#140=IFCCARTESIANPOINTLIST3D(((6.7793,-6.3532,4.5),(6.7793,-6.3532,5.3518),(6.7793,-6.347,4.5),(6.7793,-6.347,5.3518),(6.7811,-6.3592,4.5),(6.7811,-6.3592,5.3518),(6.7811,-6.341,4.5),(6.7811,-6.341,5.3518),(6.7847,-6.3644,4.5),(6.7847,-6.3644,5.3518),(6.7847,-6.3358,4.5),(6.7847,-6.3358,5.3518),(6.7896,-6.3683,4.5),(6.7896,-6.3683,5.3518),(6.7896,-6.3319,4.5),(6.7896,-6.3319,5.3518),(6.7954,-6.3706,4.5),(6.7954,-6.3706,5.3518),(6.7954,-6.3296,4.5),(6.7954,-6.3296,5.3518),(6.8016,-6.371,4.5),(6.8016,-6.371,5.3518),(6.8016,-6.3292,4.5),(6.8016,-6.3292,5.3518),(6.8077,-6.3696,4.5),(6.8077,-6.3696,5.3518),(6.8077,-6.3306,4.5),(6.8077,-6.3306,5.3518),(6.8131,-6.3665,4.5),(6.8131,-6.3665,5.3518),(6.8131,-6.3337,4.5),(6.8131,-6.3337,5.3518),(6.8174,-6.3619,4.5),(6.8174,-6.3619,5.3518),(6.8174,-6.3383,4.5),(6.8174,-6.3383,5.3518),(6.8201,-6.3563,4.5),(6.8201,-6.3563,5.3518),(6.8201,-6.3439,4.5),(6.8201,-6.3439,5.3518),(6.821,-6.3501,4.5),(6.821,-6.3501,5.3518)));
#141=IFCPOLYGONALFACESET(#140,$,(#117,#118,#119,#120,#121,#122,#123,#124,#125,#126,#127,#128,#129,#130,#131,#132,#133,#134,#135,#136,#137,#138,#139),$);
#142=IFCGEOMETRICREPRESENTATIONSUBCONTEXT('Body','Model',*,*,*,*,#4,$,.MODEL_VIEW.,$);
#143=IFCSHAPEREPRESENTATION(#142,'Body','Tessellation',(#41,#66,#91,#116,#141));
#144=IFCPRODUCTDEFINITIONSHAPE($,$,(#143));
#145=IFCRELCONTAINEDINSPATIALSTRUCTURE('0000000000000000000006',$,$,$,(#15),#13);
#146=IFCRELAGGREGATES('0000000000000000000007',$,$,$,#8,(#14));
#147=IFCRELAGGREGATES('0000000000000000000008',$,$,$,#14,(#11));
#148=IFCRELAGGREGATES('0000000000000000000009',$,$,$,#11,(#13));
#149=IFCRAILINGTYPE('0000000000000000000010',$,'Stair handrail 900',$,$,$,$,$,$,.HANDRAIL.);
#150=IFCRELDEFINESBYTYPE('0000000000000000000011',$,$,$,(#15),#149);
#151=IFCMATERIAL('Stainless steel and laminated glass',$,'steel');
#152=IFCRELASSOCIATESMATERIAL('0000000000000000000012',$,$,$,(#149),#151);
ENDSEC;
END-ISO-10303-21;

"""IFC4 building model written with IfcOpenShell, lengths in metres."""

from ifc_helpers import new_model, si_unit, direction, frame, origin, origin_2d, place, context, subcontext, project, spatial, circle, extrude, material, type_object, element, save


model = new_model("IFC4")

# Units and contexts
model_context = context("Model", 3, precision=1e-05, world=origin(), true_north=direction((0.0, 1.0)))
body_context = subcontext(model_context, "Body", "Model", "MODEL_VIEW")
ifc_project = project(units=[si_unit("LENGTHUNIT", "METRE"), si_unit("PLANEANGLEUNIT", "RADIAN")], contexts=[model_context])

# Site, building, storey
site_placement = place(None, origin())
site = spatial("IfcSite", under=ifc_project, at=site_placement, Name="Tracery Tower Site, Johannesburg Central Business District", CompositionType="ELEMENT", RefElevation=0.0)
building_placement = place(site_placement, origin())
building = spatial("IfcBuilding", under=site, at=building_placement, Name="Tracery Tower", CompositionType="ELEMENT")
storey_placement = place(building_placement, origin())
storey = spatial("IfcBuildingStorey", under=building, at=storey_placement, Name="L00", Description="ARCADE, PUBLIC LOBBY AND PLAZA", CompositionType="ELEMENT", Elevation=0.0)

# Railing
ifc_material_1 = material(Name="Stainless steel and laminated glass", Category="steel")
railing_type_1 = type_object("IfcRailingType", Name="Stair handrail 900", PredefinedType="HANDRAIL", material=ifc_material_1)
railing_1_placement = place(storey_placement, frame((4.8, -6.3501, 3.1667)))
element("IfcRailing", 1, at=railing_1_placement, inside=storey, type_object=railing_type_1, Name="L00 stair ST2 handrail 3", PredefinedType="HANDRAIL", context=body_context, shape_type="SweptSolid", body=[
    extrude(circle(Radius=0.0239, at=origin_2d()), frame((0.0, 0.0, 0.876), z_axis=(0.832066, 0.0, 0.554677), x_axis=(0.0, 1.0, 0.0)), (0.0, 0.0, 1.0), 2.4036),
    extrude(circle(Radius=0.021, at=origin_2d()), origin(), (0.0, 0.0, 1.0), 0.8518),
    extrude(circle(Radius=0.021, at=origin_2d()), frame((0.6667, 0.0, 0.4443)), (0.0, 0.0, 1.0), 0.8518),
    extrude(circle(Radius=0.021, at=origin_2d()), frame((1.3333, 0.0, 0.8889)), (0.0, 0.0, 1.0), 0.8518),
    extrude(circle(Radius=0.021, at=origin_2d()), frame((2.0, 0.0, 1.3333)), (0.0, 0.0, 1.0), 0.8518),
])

════════════════

» Work instructions
Across the data above, how many lines contain "Tower"? Reply with a bare number.

» Answer to this exercise
2